▶ Exercise aim
Of all the entries below, only the lines from the one with "#160=IFCINDEXEDPOLYGONALFACE((3,7,8,4));" up to and including the one with "#181=IFCINDEXEDPOLYGONALFACE((1,3,4,2));" are to be duplicated exactly.

-- Records to use follows --

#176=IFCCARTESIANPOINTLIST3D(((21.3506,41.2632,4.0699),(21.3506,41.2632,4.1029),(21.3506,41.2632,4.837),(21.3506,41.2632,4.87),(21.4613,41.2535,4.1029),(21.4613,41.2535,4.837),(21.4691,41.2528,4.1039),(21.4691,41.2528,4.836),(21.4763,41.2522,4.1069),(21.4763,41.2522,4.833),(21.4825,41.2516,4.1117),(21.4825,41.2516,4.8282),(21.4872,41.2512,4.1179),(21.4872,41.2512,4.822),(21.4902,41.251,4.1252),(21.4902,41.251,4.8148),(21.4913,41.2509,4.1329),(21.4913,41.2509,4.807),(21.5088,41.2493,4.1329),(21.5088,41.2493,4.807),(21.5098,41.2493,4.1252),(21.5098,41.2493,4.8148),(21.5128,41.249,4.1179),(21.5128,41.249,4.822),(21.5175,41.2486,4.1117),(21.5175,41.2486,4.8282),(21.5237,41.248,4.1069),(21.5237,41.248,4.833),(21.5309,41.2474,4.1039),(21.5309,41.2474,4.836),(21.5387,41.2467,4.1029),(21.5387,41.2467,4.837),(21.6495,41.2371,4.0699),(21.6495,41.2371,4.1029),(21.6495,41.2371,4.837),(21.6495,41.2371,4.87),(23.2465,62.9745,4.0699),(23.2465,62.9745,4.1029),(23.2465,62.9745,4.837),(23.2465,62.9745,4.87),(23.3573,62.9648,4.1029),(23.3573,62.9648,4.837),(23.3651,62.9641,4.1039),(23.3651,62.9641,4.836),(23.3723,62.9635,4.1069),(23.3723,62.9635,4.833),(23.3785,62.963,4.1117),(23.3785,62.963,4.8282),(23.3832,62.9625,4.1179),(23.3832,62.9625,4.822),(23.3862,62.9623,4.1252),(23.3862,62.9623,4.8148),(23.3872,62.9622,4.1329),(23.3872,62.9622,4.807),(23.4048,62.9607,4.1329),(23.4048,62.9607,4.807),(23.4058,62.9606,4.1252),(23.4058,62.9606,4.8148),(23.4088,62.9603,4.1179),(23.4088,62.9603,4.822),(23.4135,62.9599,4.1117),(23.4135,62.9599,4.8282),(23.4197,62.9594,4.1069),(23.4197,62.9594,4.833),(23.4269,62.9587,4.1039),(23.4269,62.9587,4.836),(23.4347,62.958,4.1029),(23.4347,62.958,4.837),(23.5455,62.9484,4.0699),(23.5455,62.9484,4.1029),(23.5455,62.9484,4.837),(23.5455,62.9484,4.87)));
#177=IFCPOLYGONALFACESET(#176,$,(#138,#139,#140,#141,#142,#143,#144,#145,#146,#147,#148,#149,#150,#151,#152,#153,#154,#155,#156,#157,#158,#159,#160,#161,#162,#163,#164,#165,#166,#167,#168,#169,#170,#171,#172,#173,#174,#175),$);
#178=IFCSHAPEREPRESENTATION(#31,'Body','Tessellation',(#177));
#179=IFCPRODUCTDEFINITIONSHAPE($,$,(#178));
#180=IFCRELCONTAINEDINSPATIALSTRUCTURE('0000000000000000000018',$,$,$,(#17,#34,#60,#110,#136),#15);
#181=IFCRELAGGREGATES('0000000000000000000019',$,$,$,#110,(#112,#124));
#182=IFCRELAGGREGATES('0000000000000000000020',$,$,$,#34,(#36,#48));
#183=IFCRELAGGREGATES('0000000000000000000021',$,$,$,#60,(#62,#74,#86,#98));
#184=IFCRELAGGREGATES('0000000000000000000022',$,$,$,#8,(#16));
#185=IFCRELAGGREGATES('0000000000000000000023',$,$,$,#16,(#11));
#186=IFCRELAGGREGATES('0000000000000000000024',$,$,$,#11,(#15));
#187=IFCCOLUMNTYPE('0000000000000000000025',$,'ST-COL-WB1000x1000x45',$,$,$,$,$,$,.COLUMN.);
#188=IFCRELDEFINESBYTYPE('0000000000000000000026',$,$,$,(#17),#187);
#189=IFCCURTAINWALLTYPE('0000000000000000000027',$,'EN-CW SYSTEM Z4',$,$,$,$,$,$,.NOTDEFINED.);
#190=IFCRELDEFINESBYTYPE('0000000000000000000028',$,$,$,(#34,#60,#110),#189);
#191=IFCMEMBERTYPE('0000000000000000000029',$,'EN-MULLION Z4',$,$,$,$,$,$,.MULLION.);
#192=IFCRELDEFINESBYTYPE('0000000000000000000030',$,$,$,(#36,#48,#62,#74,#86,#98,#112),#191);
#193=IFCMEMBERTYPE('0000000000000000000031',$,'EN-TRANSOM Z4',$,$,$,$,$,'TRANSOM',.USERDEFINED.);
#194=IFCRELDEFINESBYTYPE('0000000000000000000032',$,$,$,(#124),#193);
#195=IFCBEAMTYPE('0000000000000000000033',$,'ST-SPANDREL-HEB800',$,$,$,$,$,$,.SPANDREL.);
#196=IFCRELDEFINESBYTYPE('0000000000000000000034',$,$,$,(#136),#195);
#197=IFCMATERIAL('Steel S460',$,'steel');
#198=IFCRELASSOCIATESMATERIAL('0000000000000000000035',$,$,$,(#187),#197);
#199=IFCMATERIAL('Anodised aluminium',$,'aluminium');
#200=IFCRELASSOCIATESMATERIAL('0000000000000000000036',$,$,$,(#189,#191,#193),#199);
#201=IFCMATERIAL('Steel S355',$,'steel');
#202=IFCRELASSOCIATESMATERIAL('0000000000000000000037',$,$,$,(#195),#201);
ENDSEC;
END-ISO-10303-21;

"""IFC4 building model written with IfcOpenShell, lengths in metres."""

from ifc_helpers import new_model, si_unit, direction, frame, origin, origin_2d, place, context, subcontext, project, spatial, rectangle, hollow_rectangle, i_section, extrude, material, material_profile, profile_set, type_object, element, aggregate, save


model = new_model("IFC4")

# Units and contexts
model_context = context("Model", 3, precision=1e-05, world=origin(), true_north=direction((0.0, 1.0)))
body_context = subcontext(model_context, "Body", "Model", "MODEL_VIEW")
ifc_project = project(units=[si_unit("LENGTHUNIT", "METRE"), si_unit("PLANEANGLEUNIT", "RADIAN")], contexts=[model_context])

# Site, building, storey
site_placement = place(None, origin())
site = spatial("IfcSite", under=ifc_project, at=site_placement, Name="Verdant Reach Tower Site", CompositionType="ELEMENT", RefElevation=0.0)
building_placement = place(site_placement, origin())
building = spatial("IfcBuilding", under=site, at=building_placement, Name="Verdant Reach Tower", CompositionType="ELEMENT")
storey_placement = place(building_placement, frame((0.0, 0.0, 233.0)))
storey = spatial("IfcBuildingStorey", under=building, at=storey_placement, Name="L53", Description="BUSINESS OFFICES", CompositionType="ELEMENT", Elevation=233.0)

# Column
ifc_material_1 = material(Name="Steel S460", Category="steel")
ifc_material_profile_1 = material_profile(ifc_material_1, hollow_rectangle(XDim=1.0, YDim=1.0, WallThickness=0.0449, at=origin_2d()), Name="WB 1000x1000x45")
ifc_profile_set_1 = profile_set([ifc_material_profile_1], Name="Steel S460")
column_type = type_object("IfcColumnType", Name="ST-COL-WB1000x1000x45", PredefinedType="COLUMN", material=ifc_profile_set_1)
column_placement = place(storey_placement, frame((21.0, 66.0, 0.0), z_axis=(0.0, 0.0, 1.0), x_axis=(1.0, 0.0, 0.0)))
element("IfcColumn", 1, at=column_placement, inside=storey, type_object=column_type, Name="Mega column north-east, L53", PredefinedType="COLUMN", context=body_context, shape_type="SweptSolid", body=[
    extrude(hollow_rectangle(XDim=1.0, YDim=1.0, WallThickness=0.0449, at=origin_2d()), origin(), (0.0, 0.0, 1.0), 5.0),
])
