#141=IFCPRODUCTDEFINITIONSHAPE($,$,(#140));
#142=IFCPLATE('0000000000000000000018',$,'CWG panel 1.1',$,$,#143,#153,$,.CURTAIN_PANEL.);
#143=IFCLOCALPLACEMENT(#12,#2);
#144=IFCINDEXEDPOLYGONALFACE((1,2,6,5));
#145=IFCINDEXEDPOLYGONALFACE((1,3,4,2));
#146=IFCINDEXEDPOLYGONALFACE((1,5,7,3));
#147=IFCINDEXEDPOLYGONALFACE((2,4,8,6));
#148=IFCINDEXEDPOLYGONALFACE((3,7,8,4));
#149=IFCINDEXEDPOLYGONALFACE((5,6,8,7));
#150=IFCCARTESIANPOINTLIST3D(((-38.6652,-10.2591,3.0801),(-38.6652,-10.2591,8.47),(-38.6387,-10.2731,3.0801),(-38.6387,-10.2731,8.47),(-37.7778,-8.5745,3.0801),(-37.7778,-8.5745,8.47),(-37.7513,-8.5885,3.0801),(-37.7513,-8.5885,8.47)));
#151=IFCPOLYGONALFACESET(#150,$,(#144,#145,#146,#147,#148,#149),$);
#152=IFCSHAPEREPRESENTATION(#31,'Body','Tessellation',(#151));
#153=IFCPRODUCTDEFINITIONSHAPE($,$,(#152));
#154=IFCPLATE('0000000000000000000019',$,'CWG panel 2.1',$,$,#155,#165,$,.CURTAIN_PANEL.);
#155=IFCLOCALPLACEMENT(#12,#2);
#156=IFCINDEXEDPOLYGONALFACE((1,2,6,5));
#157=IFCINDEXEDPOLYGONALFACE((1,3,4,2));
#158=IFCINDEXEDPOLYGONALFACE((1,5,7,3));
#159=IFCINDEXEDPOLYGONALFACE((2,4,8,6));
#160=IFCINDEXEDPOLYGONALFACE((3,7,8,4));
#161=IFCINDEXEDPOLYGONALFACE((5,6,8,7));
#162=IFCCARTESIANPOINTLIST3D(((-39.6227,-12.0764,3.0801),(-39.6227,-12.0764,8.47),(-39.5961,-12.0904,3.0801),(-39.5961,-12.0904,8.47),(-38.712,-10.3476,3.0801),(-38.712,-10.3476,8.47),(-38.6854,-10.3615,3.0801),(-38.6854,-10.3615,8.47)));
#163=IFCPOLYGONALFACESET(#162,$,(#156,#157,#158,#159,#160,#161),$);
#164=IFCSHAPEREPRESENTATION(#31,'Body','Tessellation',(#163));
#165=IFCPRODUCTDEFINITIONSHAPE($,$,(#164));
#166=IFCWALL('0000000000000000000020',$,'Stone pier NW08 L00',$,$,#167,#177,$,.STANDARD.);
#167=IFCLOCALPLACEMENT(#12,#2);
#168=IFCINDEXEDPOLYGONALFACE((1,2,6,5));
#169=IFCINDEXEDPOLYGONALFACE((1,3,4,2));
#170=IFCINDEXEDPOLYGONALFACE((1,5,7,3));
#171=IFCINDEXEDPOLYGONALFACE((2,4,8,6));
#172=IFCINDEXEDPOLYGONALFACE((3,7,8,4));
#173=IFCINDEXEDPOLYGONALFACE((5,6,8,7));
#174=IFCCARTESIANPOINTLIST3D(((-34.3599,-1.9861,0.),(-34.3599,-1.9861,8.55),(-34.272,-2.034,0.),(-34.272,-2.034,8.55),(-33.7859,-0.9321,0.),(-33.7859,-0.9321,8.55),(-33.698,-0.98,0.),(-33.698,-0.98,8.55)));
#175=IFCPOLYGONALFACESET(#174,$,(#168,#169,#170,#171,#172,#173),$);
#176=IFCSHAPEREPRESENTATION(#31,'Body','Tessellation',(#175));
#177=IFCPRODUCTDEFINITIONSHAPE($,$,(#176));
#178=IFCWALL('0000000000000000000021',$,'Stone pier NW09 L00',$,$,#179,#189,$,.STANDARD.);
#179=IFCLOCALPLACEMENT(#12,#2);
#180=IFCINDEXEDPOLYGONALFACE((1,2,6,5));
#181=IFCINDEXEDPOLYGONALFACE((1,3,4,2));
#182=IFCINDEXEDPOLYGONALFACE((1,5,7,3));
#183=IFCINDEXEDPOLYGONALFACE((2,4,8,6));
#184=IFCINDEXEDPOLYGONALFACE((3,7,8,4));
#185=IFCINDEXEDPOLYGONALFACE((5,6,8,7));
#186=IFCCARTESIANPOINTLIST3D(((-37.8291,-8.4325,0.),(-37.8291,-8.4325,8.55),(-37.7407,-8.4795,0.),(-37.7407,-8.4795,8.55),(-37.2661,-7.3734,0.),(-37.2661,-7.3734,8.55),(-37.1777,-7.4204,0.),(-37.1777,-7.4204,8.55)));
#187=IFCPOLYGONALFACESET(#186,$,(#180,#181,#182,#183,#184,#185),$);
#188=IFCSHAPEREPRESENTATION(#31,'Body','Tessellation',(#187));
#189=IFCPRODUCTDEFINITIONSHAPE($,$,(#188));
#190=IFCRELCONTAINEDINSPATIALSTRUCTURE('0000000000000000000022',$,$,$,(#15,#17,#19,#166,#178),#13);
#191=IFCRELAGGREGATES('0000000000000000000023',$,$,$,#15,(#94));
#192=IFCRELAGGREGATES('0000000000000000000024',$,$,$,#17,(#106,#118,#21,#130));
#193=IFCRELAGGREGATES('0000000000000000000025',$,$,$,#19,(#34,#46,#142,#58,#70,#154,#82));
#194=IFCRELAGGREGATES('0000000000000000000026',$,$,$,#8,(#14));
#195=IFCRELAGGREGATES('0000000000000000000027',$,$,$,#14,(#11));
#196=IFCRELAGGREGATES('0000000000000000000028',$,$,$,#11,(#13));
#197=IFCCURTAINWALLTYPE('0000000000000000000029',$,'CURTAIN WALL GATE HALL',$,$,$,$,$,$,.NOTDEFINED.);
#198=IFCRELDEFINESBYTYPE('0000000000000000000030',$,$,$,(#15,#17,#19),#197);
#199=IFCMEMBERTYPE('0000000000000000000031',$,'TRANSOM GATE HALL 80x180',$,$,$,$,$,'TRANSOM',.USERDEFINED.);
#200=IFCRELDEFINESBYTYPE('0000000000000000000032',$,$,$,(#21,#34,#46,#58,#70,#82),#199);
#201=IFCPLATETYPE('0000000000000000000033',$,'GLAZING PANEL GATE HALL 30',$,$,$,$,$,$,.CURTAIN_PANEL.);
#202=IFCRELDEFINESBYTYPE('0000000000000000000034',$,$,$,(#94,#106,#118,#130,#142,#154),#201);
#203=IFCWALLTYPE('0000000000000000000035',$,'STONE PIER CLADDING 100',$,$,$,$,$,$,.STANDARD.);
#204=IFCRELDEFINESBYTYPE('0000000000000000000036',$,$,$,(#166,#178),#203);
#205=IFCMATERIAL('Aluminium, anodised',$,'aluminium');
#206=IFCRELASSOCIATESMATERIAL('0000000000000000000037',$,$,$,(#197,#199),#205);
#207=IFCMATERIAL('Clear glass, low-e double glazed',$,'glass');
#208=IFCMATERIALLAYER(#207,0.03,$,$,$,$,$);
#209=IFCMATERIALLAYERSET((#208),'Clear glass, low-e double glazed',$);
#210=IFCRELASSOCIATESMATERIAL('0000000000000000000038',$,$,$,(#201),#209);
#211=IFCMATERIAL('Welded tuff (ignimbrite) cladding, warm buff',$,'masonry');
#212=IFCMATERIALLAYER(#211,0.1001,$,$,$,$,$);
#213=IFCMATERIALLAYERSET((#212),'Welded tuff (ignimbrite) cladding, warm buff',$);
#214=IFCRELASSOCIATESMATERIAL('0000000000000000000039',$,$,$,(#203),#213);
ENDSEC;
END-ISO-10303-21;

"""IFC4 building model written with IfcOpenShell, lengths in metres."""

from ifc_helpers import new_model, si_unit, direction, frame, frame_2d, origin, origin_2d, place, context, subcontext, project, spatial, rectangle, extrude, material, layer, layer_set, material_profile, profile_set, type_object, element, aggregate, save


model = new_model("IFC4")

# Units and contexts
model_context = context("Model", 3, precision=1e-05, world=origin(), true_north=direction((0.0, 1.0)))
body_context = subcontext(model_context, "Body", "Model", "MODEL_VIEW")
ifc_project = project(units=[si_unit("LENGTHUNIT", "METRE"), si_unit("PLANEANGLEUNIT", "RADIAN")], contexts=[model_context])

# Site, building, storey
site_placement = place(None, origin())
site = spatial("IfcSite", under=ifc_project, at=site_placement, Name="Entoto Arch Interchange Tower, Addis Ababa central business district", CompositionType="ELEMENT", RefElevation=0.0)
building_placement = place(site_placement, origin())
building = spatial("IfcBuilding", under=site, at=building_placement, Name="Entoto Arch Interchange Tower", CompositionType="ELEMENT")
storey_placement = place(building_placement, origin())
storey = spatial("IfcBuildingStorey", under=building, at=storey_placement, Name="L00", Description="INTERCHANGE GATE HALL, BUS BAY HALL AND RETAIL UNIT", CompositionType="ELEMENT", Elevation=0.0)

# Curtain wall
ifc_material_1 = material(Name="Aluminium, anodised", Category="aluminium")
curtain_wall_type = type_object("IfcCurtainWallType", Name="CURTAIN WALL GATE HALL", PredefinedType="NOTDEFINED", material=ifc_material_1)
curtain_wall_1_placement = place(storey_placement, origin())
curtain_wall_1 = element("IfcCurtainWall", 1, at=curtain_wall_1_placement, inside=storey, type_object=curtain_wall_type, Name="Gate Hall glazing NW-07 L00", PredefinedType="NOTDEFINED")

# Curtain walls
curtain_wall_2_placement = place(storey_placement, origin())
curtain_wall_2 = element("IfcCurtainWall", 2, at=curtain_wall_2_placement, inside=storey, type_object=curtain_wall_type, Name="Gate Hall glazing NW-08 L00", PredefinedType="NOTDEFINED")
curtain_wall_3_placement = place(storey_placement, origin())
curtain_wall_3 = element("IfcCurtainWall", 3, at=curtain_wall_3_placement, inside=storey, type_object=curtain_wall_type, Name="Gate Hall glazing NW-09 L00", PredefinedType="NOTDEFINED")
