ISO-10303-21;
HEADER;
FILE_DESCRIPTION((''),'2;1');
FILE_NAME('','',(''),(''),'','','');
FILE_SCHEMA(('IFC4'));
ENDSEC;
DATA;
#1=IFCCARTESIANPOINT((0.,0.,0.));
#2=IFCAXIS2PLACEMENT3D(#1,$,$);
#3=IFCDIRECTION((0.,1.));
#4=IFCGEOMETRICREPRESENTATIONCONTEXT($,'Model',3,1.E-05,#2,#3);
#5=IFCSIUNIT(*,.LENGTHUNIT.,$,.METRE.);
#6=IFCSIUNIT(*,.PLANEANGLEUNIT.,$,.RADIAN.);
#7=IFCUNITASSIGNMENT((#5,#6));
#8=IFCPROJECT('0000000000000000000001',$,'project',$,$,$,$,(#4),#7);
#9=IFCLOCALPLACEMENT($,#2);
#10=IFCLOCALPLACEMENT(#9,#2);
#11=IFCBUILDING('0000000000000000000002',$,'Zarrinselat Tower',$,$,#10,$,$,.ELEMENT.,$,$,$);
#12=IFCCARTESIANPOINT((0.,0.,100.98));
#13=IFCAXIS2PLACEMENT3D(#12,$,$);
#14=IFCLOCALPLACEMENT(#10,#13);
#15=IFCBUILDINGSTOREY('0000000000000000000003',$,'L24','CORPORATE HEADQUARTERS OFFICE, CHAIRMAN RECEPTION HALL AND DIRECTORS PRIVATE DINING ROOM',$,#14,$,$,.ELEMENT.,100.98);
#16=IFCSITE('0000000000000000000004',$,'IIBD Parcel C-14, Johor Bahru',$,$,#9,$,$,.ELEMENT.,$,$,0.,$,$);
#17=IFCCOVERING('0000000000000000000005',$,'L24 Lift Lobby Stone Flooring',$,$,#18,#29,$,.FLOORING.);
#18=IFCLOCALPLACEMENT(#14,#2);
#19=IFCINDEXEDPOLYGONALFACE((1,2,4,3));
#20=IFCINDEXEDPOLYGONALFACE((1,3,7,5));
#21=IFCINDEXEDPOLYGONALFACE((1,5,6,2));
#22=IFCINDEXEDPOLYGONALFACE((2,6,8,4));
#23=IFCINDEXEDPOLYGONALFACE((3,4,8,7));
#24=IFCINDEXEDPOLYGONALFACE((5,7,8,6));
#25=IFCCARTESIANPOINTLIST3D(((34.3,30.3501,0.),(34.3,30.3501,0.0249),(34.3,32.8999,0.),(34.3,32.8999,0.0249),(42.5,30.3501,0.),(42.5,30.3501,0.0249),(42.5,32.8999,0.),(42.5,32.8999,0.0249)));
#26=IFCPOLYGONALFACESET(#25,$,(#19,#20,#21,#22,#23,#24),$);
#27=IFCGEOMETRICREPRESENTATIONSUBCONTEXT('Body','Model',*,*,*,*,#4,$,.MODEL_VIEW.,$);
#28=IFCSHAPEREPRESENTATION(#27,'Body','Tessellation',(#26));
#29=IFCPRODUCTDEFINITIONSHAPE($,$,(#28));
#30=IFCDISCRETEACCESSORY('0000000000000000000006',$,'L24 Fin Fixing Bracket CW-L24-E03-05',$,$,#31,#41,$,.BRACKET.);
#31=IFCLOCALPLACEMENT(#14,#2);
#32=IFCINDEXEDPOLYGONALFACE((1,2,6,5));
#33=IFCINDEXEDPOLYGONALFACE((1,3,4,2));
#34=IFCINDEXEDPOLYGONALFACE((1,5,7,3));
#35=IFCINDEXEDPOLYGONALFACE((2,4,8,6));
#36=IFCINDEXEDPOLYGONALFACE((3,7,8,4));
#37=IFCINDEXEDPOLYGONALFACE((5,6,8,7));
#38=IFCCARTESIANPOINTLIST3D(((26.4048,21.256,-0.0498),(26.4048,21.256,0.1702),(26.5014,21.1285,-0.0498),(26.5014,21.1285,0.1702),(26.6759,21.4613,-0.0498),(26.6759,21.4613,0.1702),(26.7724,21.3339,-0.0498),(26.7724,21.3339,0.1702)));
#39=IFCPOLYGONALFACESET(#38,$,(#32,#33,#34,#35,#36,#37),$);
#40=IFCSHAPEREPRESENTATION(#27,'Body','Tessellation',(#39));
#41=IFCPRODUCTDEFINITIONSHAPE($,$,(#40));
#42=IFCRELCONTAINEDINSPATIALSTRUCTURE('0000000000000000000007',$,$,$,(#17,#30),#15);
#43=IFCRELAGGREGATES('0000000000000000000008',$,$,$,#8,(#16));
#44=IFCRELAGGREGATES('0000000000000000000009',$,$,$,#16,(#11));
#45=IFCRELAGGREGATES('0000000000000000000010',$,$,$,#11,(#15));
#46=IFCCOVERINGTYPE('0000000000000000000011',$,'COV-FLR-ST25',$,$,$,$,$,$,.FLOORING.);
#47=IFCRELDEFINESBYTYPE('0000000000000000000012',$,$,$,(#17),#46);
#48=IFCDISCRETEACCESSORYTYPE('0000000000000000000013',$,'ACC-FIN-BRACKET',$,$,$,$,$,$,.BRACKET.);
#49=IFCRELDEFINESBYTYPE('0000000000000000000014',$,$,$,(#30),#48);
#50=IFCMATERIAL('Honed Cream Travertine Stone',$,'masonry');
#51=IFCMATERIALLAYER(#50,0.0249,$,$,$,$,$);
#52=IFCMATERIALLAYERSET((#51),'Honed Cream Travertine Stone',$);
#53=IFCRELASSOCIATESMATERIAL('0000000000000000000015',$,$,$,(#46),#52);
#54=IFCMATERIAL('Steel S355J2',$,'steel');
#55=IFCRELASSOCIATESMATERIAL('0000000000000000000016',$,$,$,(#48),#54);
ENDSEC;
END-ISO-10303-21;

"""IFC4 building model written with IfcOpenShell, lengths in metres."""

from ifc_helpers import new_model, si_unit, direction, frame, origin, origin_2d, place, context, subcontext, project, spatial, polyline, rectangle, outline, extrude, material, layer, layer_set, type_object, element, save


model = new_model("IFC4")

# Units and contexts
model_context = context("Model", 3, precision=1e-05, world=origin(), true_north=direction((0.0, 1.0)))
body_context = subcontext(model_context, "Body", "Model", "MODEL_VIEW")
ifc_project = project(units=[si_unit("LENGTHUNIT", "METRE"), si_unit("PLANEANGLEUNIT", "RADIAN")], contexts=[model_context])

# Site, building, storey
site_placement = place(None, origin())
site = spatial("IfcSite", under=ifc_project, at=site_placement, Name="IIBD Parcel C-14, Johor Bahru", CompositionType="ELEMENT", RefElevation=0.0)
building_placement = place(site_placement, origin())
building = spatial("IfcBuilding", under=site, at=building_placement, Name="Zarrinselat Tower", CompositionType="ELEMENT")
storey_placement = place(building_placement, frame((0.0, 0.0, 100.98)))
storey = spatial("IfcBuildingStorey", under=building, at=storey_placement, Name="L24", Description="CORPORATE HEADQUARTERS OFFICE, CHAIRMAN RECEPTION HALL AND DIRECTORS PRIVATE DINING ROOM", CompositionType="ELEMENT", Elevation=100.98)

# Covering
ifc_material_1 = material(Name="Honed Cream Travertine Stone", Category="masonry")
ifc_layer_1 = layer(ifc_material_1, 0.0249)
ifc_layer_set_1 = layer_set([ifc_layer_1], Name="Honed Cream Travertine Stone")
covering_type_1 = type_object("IfcCoveringType", Name="COV-FLR-ST25", PredefinedType="FLOORING", material=ifc_layer_set_1)
covering_1_placement = place(storey_placement, origin())
element("IfcCovering", 1, at=covering_1_placement, inside=storey, type_object=covering_type_1, Name="L24 Lift Lobby Stone Flooring", PredefinedType="FLOORING", context=body_context, shape_type="SweptSolid", body=[
    extrude(outline(polyline([(34.3, 30.3501), (42.5, 30.3501), (42.5, 32.8999), (34.3, 32.8999), (34.3, 30.3501)])), origin(), (0.0, 0.0, 1.0), 0.0249),
])

# Discrete accessory
ifc_material_2 = material(Name="Steel S355J2", Category="steel")
discrete_accessory_type = type_object("IfcDiscreteAccessoryType", Name="ACC-FIN-BRACKET", PredefinedType="BRACKET", material=ifc_material_2)
discrete_accessory_placement = place(storey_placement, frame((26.5886, 21.2949, -0.0498), z_axis=(0.0, 0.0, 1.0), x_axis=(-0.797092, -0.603858, 0.0)))
element("IfcDiscreteAccessory", 2, at=discrete_accessory_placement, inside=storey, type_object=discrete_accessory_type, Name="L24 Fin Fixing Bracket CW-L24-E03-05", PredefinedType="BRACKET", context=body_context, shape_type="SweptSolid", body=[
    extrude(rectangle(XDim=0.3401, YDim=0.1599, at=origin_2d()), origin(), (0.0, 0.0, 1.0), 0.22),
])

save(model, "model.ifc")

-- Records to use concluded --

▶ Reply
#160=IFCINDEXEDPOLYGONALFACE((3,7,8,4));
#161=IFCINDEXEDPOLYGONALFACE((5,6,8,7));
#162=IFCCARTESIANPOINTLIST3D(((-39.6227,-12.0764,3.0801),(-39.6227,-12.0764,8.47),(-39.5961,-12.0904,3.0801),(-39.5961,-12.0904,8.47),(-38.712,-10.3476,3.0801),(-38.712,-10.3476,8.47),(-38.6854,-10.3615,3.0801),(-38.6854,-10.3615,8.47)));
#163=IFCPOLYGONALFACESET(#162,$,(#156,#157,#158,#159,#160,#161),$);
#164=IFCSHAPEREPRESENTATION(#31,'Body','Tessellation',(#163));
#165=IFCPRODUCTDEFINITIONSHAPE($,$,(#164));
#166=IFCWALL('0000000000000000000020',$,'Stone pier NW08 L00',$,$,#167,#177,$,.STANDARD.);
#167=IFCLOCALPLACEMENT(#12,#2);
#168=IFCINDEXEDPOLYGONALFACE((1,2,6,5));
#169=IFCINDEXEDPOLYGONALFACE((1,3,4,2));
#170=IFCINDEXEDPOLYGONALFACE((1,5,7,3));
#171=IFCINDEXEDPOLYGONALFACE((2,4,8,6));
#172=IFCINDEXEDPOLYGONALFACE((3,7,8,4));
#173=IFCINDEXEDPOLYGONALFACE((5,6,8,7));
#174=IFCCARTESIANPOINTLIST3D(((-34.3599,-1.9861,0.),(-34.3599,-1.9861,8.55),(-34.272,-2.034,0.),(-34.272,-2.034,8.55),(-33.7859,-0.9321,0.),(-33.7859,-0.9321,8.55),(-33.698,-0.98,0.),(-33.698,-0.98,8.55)));
#175=IFCPOLYGONALFACESET(#174,$,(#168,#169,#170,#171,#172,#173),$);
#176=IFCSHAPEREPRESENTATION(#31,'Body','Tessellation',(#175));
#177=IFCPRODUCTDEFINITIONSHAPE($,$,(#176));
#178=IFCWALL('0000000000000000000021',$,'Stone pier NW09 L00',$,$,#179,#189,$,.STANDARD.);
#179=IFCLOCALPLACEMENT(#12,#2);
#180=IFCINDEXEDPOLYGONALFACE((1,2,6,5));
#181=IFCINDEXEDPOLYGONALFACE((1,3,4,2));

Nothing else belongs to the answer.